Activity: Pick out all lines with the word "IFCPRODUCTDEFINITIONSHAPE" from the records that follow.

Dataset extract:

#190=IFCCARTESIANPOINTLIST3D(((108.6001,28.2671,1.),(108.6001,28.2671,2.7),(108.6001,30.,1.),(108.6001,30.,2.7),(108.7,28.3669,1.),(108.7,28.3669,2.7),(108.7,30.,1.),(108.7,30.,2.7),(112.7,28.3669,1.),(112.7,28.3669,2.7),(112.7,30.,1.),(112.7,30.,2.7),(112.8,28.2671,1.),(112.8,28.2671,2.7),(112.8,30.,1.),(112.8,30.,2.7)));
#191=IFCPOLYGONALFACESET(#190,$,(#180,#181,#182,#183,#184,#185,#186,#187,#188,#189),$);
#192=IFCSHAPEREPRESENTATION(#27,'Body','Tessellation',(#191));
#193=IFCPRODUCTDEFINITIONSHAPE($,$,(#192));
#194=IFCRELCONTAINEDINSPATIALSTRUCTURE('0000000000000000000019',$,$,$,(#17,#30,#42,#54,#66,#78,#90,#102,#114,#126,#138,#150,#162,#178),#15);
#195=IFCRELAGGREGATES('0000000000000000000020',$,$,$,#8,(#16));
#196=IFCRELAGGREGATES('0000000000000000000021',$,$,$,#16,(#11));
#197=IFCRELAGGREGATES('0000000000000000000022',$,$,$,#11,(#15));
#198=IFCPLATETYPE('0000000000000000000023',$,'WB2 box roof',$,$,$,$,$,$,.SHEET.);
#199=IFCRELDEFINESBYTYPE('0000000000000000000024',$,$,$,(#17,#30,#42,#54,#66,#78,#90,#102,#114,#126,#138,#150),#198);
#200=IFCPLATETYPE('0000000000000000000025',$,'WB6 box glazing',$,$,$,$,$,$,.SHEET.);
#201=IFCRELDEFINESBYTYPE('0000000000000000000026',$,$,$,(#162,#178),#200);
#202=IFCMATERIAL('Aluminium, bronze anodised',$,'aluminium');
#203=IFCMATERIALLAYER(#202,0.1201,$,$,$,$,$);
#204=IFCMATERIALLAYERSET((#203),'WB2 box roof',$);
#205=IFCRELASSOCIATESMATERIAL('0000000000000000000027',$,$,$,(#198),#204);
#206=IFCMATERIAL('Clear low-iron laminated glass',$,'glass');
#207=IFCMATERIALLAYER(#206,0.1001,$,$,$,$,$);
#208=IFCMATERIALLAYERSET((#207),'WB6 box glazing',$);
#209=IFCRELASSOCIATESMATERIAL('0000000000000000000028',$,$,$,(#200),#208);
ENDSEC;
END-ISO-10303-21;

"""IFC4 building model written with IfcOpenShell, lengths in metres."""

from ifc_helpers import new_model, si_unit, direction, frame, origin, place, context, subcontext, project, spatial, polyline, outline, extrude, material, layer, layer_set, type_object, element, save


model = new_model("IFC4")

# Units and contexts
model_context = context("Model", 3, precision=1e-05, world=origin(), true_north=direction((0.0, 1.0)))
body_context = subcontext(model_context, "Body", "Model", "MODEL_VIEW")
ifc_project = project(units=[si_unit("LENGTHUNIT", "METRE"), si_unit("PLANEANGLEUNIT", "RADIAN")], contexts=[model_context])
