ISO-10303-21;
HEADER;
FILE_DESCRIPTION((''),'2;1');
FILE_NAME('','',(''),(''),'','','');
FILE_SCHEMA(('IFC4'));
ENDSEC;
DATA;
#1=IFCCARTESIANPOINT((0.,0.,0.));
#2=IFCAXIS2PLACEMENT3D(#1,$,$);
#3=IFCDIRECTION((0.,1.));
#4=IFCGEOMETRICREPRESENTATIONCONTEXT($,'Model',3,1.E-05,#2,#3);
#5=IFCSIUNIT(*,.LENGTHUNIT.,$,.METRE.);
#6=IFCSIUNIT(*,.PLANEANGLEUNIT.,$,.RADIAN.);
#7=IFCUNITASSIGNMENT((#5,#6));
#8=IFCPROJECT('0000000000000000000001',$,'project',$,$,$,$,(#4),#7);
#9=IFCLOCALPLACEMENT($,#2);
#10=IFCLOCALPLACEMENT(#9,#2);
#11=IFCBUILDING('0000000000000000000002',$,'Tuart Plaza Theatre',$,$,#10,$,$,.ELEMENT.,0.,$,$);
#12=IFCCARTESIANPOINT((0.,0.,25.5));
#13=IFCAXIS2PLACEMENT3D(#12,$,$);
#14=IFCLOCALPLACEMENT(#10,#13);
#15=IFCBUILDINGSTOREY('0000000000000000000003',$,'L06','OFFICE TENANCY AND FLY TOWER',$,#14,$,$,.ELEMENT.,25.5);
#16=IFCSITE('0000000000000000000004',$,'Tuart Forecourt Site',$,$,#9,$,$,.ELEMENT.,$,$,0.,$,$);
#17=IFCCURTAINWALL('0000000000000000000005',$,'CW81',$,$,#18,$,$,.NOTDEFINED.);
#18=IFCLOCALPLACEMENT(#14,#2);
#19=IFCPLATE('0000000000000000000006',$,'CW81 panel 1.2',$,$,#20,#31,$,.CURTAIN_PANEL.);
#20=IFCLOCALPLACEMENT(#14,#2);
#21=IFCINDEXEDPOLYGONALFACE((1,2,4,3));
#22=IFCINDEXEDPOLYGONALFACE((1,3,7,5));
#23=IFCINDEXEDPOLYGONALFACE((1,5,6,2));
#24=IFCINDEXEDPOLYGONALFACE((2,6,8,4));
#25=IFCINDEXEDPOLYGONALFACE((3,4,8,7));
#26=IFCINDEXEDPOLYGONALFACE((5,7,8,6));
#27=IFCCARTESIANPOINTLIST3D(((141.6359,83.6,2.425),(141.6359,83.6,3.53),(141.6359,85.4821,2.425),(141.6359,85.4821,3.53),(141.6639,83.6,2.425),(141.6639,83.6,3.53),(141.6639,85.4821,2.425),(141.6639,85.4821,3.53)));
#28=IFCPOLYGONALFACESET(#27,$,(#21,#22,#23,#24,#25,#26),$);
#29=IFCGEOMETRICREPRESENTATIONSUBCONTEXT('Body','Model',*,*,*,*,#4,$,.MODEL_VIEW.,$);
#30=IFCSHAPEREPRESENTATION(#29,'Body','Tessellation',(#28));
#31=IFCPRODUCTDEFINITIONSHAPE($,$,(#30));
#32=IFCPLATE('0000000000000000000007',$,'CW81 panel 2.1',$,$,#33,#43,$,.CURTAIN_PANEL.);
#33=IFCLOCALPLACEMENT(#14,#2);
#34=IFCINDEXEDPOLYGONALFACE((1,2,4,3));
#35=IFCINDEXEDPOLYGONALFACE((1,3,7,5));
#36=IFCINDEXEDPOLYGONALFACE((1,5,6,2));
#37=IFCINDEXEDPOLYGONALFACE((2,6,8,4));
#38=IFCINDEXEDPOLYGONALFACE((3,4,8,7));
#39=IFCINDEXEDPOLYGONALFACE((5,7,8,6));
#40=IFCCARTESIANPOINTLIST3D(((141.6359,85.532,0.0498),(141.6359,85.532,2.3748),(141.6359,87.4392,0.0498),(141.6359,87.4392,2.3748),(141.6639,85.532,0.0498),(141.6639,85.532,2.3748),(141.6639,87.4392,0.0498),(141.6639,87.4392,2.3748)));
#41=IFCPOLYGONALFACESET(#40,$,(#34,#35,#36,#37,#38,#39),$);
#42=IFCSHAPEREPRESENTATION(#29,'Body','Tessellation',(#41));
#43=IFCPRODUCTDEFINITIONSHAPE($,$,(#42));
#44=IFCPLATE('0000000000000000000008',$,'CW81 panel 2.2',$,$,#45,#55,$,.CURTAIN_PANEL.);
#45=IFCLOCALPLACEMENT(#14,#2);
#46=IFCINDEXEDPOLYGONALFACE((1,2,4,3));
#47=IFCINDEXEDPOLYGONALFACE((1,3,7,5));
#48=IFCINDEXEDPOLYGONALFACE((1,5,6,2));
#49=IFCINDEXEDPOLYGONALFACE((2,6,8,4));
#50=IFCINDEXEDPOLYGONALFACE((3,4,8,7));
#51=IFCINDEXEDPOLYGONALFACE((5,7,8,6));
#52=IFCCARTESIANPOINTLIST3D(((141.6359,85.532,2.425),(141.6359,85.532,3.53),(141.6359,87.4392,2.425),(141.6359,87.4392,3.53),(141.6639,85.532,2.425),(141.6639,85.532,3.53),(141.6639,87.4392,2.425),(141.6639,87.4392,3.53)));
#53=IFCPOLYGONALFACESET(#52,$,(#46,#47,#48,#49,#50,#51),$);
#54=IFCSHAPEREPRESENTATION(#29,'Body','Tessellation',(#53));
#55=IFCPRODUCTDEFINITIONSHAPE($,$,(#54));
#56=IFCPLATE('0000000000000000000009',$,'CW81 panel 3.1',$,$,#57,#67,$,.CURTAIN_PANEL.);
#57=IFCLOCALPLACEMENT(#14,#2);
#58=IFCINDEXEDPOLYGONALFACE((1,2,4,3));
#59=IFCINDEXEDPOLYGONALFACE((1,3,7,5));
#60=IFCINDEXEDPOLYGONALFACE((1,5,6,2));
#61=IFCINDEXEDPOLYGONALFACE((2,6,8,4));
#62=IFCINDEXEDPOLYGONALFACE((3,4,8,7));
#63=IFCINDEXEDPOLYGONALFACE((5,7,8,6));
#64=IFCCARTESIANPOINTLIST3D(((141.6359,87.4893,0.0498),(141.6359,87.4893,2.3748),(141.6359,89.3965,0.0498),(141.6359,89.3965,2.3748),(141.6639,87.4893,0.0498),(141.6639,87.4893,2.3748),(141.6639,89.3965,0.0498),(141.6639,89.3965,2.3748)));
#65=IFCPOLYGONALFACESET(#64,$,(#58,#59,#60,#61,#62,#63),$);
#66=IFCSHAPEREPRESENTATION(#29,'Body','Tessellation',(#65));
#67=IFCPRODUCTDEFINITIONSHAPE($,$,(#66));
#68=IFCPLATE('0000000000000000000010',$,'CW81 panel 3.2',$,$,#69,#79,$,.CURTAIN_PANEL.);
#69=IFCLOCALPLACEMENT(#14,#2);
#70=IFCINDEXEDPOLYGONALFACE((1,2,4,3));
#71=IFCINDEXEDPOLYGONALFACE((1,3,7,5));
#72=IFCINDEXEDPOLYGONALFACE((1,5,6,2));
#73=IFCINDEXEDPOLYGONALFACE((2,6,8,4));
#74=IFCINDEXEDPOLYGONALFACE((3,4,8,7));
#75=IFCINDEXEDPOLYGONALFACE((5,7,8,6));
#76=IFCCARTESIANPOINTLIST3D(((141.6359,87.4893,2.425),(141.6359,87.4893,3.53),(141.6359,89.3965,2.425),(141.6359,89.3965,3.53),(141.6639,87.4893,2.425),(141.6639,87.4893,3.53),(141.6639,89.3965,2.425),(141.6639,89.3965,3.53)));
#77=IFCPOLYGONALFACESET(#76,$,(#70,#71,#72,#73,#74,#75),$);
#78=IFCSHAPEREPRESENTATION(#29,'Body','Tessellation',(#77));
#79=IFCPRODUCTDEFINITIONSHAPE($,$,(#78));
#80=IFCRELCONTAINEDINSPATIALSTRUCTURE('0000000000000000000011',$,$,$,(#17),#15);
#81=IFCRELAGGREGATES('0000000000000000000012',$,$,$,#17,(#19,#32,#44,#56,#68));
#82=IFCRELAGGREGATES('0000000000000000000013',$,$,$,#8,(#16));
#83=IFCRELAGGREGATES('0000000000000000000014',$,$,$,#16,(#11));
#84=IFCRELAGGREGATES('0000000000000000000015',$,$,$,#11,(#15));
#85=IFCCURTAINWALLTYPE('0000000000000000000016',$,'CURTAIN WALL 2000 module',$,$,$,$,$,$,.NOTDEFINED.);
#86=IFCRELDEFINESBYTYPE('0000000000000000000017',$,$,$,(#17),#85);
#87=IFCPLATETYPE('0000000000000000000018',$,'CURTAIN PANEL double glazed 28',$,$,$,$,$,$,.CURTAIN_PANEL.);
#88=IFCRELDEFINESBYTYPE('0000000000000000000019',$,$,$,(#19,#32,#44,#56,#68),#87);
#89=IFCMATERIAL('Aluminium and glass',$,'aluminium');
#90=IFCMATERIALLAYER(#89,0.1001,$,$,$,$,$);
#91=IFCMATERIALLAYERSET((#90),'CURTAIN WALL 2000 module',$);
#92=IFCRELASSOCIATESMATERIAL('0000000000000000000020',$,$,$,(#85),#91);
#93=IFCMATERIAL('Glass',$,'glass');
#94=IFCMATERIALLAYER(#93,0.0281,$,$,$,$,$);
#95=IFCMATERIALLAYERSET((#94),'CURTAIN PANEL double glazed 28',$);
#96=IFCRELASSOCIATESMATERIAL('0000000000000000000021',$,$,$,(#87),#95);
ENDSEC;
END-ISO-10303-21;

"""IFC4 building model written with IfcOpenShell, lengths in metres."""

from ifc_helpers import new_model, si_unit, direction, frame, origin, origin_2d, place, context, subcontext, project, spatial, rectangle, extrude, material, layer, layer_set, type_object, element, aggregate, save


model = new_model("IFC4")

# Units and contexts
model_context = context("Model", 3, precision=1e-05, world=origin(), true_north=direction((0.0, 1.0)))
body_context = subcontext(model_context, "Body", "Model", "MODEL_VIEW")
ifc_project = project(units=[si_unit("LENGTHUNIT", "METRE"), si_unit("PLANEANGLEUNIT", "RADIAN")], contexts=[model_context])

# Site, building, storey
site_placement = place(None, origin())
site = spatial("IfcSite", under=ifc_project, at=site_placement, Name="Tuart Forecourt Site", CompositionType="ELEMENT", RefElevation=0.0)
building_placement = place(site_placement, origin())
building = spatial("IfcBuilding", under=site, at=building_placement, Name="Tuart Plaza Theatre", CompositionType="ELEMENT", ElevationOfRefHeight=0.0)
storey_placement = place(building_placement, frame((0.0, 0.0, 25.5)))
storey = spatial("IfcBuildingStorey", under=building, at=storey_placement, Name="L06", Description="OFFICE TENANCY AND FLY TOWER", CompositionType="ELEMENT", Elevation=25.5)

# Shared definitions
ifc_material_1 = material(Name="Aluminium and glass", Category="aluminium")
ifc_layer_1 = layer(ifc_material_1, 0.1001)
ifc_layer_set_1 = layer_set([ifc_layer_1], Name="CURTAIN WALL 2000 module")
curtain_wall_type = type_object("IfcCurtainWallType", Name="CURTAIN WALL 2000 module", PredefinedType="NOTDEFINED", material=ifc_layer_set_1)

# Curtain wall
curtain_wall_1_placement = place(storey_placement, origin())
curtain_wall_1 = element("IfcCurtainWall", 1, at=curtain_wall_1_placement, inside=storey, type_object=curtain_wall_type, Name="CW81", PredefinedType="NOTDEFINED")

# Plates
ifc_material_2 = material(Name="Glass", Category="glass")
ifc_layer_2 = layer(ifc_material_2, 0.0281)
ifc_layer_set_2 = layer_set([ifc_layer_2], Name="CURTAIN PANEL double glazed 28")
plate_type = type_object("IfcPlateType", Name="CURTAIN PANEL double glazed 28", PredefinedType="CURTAIN_PANEL", material=ifc_layer_set_2)
plate_1_placement = place(storey_placement, frame((141.6499, 84.541, 2.425), z_axis=(0.0, 0.0, 1.0), x_axis=(0.0, 1.0, 0.0)))
plate_1 = element("IfcPlate", 2, at=plate_1_placement, type_object=plate_type, Name="CW81 panel 1.2", PredefinedType="CURTAIN_PANEL", context=body_context, shape_type="SweptSolid", body=[
    extrude(rectangle(XDim=1.8821, YDim=0.0281, at=origin_2d()), origin(), (0.0, 0.0, 1.0), 1.105),
])
plate_2_placement = place(storey_placement, frame((141.6499, 86.4856, 0.0498), z_axis=(0.0, 0.0, 1.0), x_axis=(0.0, 1.0, 0.0)))
plate_2 = element("IfcPlate", 3, at=plate_2_placement, type_object=plate_type, Name="CW81 panel 2.1", PredefinedType="CURTAIN_PANEL", context=body_context, shape_type="SweptSolid", body=[
    extrude(rectangle(XDim=1.9072, YDim=0.0281, at=origin_2d()), origin(), (0.0, 0.0, 1.0), 2.325),
])
plate_3_placement = place(storey_placement, frame((141.6499, 86.4856, 2.425), z_axis=(0.0, 0.0, 1.0), x_axis=(0.0, 1.0, 0.0)))
plate_3 = element("IfcPlate", 4, at=plate_3_placement, type_object=plate_type, Name="CW81 panel 2.2", PredefinedType="CURTAIN_PANEL", context=body_context, shape_type="SweptSolid", body=[
    extrude(rectangle(XDim=1.9072, YDim=0.0281, at=origin_2d()), origin(), (0.0, 0.0, 1.0), 1.105),
])
plate_4_placement = place(storey_placement, frame((141.6499, 88.4429, 0.0498), z_axis=(0.0, 0.0, 1.0), x_axis=(0.0, 1.0, 0.0)))
plate_4 = element("IfcPlate", 5, at=plate_4_placement, type_object=plate_type, Name="CW81 panel 3.1", PredefinedType="CURTAIN_PANEL", context=body_context, shape_type="SweptSolid", body=[
    extrude(rectangle(XDim=1.9072, YDim=0.0281, at=origin_2d()), origin(), (0.0, 0.0, 1.0), 2.325),
])
plate_5_placement = place(storey_placement, frame((141.6499, 88.4429, 2.425), z_axis=(0.0, 0.0, 1.0), x_axis=(0.0, 1.0, 0.0)))
plate_5 = element("IfcPlate", 6, at=plate_5_placement, type_object=plate_type, Name="CW81 panel 3.2", PredefinedType="CURTAIN_PANEL", context=body_context, shape_type="SweptSolid", body=[
    extrude(rectangle(XDim=1.9072, YDim=0.0281, at=origin_2d()), origin(), (0.0, 0.0, 1.0), 1.105),
])
aggregate(curtain_wall_1, [plate_1, plate_2, plate_3, plate_4, plate_5])

save(model, "model.ifc")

Solution to this exercise:
#193=IFCPRODUCTDEFINITIONSHAPE($,$,(#192));
#31=IFCPRODUCTDEFINITIONSHAPE($,$,(#30));
#43=IFCPRODUCTDEFINITIONSHAPE($,$,(#42));
#55=IFCPRODUCTDEFINITIONSHAPE($,$,(#54));
#67=IFCPRODUCTDEFINITIONSHAPE($,$,(#66));
#79=IFCPRODUCTDEFINITIONSHAPE($,$,(#78));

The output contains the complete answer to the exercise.